Data under study section start
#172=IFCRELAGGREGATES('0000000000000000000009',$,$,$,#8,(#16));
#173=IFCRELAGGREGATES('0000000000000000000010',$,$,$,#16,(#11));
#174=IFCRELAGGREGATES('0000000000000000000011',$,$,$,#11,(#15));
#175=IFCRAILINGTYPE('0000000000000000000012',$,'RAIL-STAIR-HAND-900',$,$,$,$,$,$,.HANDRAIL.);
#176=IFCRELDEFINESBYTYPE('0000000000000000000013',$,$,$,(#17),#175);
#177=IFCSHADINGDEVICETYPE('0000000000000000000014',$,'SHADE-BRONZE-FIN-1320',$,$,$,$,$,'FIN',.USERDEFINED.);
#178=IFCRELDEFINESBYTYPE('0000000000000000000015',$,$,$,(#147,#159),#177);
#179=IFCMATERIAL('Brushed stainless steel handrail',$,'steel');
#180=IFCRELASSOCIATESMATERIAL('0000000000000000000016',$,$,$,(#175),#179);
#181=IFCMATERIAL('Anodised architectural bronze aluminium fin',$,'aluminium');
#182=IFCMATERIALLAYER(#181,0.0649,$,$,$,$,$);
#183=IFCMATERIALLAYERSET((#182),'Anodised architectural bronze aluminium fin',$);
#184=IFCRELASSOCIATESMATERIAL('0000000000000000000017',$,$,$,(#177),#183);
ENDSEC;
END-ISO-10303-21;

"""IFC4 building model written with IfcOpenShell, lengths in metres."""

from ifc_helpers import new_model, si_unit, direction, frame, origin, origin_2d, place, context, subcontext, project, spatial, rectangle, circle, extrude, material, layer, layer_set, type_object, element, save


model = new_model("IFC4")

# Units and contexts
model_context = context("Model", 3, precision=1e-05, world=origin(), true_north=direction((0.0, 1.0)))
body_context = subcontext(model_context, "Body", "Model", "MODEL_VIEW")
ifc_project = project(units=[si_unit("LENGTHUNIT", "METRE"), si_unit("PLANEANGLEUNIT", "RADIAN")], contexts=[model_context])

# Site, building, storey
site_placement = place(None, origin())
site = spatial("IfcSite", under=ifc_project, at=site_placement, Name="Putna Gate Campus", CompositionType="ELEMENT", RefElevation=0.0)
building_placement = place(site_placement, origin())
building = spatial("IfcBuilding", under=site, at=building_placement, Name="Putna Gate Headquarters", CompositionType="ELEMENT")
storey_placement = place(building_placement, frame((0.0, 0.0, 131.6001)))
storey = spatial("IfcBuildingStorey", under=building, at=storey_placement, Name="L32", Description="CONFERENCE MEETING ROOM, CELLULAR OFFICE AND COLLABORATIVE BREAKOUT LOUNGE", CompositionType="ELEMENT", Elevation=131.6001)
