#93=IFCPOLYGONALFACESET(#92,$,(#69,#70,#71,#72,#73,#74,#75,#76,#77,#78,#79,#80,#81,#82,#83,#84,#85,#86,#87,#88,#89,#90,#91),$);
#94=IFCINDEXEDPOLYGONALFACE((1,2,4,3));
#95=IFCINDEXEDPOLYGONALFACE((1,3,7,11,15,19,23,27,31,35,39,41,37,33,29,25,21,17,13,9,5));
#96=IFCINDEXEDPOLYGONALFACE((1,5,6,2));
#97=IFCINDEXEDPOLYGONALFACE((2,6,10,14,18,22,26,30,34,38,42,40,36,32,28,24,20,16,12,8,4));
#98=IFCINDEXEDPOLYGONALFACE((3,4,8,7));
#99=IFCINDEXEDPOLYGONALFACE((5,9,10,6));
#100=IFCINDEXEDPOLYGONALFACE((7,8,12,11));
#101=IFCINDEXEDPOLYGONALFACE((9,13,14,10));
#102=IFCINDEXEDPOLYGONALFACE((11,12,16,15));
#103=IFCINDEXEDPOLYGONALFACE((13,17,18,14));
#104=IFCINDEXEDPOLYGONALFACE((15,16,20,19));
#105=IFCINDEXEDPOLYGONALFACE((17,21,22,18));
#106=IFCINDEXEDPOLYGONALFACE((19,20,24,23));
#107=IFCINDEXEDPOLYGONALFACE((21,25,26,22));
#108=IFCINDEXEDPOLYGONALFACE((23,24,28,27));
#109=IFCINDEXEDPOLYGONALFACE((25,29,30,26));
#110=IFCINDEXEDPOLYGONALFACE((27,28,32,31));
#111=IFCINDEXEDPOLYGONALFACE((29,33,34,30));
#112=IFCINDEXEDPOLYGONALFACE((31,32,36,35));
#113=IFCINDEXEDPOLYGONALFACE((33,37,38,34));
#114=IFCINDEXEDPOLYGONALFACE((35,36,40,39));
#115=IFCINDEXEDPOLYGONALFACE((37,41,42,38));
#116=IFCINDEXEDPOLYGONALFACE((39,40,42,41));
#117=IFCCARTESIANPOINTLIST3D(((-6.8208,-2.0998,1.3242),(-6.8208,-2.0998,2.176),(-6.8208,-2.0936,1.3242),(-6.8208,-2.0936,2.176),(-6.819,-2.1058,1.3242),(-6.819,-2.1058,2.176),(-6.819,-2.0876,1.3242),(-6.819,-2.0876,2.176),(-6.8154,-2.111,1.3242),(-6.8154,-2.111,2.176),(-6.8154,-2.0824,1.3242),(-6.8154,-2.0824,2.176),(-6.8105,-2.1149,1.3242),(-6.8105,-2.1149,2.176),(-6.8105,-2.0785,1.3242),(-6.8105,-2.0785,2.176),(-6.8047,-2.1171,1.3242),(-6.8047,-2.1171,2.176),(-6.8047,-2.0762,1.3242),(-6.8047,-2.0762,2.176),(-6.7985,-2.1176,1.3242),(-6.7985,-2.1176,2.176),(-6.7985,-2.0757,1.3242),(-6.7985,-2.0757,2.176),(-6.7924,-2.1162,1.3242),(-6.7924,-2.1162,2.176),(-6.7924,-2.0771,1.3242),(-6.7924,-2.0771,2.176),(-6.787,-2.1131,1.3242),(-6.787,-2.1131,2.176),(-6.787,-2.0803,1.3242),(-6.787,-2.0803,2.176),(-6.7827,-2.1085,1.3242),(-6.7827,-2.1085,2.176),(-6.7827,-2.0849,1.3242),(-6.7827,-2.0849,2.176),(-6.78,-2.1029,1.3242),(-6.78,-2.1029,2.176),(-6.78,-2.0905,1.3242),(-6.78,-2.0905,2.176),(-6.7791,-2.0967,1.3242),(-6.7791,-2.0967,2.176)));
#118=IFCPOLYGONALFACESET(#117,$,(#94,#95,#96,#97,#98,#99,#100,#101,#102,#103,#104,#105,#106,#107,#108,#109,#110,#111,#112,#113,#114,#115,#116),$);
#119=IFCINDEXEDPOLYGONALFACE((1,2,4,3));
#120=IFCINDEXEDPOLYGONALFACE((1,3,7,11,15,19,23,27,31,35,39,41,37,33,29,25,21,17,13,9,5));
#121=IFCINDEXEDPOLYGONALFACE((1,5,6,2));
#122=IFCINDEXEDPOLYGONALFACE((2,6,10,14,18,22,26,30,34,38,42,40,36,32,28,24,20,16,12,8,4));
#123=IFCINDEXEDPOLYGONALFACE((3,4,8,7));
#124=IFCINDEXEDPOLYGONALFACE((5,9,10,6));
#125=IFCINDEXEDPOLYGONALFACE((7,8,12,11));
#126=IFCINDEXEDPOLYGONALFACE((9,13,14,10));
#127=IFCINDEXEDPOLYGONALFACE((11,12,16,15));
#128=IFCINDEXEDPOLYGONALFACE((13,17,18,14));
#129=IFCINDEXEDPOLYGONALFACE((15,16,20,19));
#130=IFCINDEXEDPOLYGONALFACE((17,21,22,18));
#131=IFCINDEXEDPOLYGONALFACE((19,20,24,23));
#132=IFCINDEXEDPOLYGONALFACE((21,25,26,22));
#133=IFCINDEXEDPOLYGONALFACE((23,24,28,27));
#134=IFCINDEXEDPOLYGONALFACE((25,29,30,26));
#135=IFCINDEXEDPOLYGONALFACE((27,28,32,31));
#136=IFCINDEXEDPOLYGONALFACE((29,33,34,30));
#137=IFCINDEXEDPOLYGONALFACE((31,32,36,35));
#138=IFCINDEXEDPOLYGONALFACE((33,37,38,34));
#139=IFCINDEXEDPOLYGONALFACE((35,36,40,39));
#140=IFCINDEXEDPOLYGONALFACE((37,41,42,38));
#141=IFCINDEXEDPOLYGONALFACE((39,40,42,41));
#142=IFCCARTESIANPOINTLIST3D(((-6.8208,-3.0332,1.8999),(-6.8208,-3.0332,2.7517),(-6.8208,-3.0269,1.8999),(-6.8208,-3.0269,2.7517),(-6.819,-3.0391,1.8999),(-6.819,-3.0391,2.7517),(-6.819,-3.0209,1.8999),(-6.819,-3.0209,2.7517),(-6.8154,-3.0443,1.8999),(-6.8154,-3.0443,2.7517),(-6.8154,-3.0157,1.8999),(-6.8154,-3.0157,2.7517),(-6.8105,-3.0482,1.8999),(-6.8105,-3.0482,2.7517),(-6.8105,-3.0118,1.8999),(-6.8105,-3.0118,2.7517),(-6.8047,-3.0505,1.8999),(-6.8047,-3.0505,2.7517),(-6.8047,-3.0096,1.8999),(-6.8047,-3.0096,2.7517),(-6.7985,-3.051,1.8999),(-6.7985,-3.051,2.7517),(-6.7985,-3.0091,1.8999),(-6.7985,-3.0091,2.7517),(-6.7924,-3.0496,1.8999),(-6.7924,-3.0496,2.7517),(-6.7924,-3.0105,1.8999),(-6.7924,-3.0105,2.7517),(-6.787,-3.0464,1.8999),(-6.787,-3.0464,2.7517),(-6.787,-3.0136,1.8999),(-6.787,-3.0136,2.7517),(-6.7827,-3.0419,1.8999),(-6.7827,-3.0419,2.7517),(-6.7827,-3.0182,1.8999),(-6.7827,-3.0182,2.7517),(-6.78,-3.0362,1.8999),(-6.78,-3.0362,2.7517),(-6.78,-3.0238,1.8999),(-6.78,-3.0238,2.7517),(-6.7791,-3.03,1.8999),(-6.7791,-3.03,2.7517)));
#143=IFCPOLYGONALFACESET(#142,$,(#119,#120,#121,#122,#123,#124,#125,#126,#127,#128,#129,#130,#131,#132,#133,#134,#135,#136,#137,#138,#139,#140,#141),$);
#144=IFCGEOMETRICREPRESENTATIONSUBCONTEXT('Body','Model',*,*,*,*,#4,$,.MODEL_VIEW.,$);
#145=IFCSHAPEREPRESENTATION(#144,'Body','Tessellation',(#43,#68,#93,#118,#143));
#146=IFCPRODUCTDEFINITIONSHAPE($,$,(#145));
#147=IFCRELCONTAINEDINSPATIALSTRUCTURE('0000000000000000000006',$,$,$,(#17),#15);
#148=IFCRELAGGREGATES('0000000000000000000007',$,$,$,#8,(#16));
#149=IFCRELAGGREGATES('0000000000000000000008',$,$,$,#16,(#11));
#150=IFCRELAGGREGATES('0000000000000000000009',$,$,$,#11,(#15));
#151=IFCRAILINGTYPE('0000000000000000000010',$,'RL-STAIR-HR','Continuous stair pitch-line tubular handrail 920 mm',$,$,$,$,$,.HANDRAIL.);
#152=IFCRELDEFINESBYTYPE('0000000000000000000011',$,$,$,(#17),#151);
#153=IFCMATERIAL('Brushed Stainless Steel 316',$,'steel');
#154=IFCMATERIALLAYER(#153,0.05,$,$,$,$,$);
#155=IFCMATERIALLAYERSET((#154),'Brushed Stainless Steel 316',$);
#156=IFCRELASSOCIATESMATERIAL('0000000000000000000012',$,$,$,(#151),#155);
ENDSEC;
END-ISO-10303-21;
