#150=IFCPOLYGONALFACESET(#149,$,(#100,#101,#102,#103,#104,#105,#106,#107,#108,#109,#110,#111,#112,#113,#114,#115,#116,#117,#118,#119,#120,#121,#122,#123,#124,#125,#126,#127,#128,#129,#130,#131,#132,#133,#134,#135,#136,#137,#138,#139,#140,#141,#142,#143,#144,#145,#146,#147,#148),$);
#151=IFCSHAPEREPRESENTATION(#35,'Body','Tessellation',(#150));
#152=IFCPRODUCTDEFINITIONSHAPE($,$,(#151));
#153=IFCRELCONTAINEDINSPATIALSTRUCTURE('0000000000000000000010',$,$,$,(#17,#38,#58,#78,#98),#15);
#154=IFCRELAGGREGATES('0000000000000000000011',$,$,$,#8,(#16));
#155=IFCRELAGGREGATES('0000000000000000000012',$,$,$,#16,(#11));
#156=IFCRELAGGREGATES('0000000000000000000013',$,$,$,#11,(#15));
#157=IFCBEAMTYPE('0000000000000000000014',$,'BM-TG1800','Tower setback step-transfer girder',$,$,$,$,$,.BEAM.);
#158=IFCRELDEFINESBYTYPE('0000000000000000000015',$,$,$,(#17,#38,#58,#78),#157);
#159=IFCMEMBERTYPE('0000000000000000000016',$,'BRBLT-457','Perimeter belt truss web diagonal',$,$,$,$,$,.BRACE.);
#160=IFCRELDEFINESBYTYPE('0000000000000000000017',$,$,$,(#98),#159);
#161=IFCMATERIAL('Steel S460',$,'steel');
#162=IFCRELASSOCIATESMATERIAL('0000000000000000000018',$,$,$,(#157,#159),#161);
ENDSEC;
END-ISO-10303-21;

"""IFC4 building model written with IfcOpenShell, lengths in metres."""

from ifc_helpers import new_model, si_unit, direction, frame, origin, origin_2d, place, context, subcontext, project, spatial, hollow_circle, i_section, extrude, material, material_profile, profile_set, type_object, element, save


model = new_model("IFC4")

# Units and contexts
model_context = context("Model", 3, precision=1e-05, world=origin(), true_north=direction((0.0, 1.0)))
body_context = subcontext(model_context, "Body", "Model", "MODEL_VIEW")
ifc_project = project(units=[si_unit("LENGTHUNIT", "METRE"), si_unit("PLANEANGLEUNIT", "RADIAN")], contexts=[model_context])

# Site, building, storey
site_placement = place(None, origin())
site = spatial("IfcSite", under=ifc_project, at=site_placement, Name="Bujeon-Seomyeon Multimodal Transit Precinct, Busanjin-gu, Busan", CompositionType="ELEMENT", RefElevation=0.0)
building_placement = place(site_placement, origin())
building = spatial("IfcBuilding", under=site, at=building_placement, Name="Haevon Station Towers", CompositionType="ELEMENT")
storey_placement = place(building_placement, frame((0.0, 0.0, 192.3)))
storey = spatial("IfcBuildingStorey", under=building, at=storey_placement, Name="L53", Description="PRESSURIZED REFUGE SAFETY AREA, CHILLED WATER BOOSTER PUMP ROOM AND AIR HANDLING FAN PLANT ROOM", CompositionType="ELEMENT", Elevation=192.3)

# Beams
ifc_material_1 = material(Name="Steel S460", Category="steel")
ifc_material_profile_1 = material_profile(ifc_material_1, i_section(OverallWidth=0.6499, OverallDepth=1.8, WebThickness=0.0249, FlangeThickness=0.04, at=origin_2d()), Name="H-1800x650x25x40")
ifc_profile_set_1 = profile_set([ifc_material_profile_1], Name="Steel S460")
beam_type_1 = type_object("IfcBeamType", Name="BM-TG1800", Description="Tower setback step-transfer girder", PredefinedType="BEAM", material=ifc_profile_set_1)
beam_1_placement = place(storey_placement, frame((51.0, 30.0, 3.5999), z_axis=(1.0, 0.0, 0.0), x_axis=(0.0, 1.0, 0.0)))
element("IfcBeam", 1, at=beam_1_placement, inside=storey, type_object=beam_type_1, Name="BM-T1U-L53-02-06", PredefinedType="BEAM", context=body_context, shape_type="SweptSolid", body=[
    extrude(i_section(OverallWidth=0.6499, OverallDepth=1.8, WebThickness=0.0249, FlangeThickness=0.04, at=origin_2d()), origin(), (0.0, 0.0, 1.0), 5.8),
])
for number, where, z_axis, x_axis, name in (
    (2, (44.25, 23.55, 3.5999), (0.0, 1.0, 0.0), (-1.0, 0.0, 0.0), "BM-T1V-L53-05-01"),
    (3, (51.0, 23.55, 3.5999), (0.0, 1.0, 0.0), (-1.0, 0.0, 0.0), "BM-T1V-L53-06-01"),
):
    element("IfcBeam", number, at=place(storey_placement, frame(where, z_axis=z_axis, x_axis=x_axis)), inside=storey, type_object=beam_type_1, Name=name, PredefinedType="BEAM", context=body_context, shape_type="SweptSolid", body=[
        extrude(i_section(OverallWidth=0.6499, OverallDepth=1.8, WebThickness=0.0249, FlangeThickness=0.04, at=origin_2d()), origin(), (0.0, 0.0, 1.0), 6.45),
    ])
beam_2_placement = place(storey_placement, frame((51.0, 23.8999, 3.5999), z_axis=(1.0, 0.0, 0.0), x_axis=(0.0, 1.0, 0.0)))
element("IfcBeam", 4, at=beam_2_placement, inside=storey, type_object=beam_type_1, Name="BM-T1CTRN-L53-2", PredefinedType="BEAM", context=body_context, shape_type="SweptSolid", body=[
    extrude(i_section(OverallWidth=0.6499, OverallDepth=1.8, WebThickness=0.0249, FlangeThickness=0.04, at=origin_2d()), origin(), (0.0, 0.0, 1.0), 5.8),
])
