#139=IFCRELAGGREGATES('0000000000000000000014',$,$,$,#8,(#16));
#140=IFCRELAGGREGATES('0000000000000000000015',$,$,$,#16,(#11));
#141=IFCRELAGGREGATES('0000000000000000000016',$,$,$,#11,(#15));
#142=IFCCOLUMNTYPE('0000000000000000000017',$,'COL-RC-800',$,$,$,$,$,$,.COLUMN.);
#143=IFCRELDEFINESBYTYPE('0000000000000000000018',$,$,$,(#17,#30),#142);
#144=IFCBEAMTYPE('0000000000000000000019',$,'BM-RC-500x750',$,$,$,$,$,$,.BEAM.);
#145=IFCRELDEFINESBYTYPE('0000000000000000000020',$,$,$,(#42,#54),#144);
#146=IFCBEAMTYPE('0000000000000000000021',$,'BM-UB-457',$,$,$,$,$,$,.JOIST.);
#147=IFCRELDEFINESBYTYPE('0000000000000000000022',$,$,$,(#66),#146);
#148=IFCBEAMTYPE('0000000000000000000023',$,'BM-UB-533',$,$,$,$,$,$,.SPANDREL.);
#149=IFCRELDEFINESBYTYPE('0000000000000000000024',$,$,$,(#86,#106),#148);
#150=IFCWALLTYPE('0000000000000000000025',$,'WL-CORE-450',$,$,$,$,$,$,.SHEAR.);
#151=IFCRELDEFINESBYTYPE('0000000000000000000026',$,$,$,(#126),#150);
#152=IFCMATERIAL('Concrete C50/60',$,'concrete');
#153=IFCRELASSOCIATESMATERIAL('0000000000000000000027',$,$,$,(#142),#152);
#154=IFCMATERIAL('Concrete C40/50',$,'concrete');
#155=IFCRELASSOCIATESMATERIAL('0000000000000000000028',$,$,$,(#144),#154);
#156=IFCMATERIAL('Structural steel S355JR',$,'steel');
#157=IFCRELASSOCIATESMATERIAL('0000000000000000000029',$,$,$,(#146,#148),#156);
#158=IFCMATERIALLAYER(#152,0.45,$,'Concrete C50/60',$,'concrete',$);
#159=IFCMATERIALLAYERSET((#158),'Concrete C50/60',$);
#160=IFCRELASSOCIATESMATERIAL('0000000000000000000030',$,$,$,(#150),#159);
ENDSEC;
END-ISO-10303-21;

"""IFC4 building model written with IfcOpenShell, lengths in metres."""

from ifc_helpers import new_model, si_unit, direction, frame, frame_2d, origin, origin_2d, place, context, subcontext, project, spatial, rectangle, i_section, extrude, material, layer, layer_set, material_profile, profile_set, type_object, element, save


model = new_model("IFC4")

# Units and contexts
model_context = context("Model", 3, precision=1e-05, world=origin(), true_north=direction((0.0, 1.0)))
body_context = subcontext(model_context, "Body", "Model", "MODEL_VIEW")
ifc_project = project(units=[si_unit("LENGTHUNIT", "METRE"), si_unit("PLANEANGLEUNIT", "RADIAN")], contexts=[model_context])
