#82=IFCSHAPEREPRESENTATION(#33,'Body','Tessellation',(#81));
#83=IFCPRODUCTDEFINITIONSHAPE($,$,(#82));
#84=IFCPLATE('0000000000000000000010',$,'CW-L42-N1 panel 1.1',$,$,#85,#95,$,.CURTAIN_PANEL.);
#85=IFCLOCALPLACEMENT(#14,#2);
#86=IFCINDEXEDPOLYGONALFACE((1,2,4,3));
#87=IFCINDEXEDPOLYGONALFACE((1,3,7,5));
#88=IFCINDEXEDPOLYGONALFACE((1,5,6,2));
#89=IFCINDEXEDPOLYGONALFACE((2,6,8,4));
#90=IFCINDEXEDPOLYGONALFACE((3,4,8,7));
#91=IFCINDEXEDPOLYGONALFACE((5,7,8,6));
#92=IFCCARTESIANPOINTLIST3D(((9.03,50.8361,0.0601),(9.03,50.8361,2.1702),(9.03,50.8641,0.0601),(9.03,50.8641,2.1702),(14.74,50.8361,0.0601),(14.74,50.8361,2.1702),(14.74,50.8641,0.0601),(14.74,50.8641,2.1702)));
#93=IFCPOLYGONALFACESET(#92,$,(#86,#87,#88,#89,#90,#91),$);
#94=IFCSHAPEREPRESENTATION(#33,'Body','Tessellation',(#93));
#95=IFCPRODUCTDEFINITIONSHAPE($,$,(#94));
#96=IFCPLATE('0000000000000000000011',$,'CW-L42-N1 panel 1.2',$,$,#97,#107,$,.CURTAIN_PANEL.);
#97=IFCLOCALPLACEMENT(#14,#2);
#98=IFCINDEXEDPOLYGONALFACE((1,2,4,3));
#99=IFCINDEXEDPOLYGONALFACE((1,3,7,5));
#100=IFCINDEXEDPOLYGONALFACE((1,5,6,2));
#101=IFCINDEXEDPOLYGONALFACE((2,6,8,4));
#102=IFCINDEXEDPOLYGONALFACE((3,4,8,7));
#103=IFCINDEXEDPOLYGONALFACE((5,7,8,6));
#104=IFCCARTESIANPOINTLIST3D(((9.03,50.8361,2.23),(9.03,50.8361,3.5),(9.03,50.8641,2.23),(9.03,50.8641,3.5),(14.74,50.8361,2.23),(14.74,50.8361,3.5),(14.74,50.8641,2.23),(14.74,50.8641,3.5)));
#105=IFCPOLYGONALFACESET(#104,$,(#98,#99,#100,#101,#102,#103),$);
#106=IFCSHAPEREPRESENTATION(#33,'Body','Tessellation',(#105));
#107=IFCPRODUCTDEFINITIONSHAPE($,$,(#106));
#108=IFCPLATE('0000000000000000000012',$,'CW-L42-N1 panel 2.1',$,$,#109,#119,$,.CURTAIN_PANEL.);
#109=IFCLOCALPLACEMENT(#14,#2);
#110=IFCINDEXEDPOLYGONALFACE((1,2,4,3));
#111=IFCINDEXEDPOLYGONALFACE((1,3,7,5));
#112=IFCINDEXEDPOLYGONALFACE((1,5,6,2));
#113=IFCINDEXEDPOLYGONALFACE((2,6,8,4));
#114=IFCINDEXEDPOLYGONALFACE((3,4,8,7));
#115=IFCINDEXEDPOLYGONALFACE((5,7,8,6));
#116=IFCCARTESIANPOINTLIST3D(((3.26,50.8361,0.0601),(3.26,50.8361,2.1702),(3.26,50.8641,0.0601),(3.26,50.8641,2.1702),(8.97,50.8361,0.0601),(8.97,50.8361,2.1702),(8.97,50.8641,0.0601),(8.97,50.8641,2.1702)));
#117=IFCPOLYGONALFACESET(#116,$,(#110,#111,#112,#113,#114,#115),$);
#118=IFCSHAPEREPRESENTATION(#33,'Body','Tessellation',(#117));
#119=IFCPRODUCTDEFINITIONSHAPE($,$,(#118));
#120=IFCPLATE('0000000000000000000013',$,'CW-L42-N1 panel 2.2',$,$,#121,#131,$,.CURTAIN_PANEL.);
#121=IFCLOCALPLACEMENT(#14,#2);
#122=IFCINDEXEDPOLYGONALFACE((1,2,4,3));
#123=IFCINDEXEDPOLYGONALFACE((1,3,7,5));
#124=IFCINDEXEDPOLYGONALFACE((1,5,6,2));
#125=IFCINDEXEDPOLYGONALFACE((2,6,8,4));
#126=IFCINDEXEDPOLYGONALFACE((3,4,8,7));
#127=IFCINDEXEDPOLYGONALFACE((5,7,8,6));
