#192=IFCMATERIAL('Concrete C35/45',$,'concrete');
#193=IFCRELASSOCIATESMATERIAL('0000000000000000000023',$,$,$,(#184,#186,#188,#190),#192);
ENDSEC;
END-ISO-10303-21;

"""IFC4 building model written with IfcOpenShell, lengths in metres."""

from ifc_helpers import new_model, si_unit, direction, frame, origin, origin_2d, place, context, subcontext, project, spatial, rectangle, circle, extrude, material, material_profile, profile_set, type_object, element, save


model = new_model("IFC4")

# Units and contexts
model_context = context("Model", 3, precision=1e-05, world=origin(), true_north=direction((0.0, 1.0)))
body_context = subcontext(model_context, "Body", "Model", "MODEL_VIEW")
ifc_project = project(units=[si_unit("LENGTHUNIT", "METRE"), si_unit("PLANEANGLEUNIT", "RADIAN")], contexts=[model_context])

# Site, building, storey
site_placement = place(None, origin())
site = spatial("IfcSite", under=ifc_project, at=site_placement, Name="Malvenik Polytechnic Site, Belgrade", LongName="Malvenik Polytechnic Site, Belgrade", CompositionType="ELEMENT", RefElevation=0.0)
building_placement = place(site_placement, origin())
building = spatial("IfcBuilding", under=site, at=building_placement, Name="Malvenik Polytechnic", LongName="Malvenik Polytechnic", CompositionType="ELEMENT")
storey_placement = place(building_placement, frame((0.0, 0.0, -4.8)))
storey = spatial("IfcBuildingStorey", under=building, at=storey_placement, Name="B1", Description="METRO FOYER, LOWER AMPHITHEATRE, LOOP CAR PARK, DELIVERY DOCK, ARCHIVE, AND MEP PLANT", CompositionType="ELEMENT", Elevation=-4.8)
Data under study section end
## What needs to be done
Your reply should hold only the lines from the first line of the records through the one with "#182=IFCMATERIALLAYER(#181,0.0649,$,$,$,$,$);", reproduced word for word.

## Written reply
#172=IFCRELAGGREGATES('0000000000000000000009',$,$,$,#8,(#16));
#173=IFCRELAGGREGATES('0000000000000000000010',$,$,$,#16,(#11));
#174=IFCRELAGGREGATES('0000000000000000000011',$,$,$,#11,(#15));
#175=IFCRAILINGTYPE('0000000000000000000012',$,'RAIL-STAIR-HAND-900',$,$,$,$,$,$,.HANDRAIL.);
#176=IFCRELDEFINESBYTYPE('0000000000000000000013',$,$,$,(#17),#175);
#177=IFCSHADINGDEVICETYPE('0000000000000000000014',$,'SHADE-BRONZE-FIN-1320',$,$,$,$,$,'FIN',.USERDEFINED.);
#178=IFCRELDEFINESBYTYPE('0000000000000000000015',$,$,$,(#147,#159),#177);
#179=IFCMATERIAL('Brushed stainless steel handrail',$,'steel');
#180=IFCRELASSOCIATESMATERIAL('0000000000000000000016',$,$,$,(#175),#179);
#181=IFCMATERIAL('Anodised architectural bronze aluminium fin',$,'aluminium');
#182=IFCMATERIALLAYER(#181,0.0649,$,$,$,$,$);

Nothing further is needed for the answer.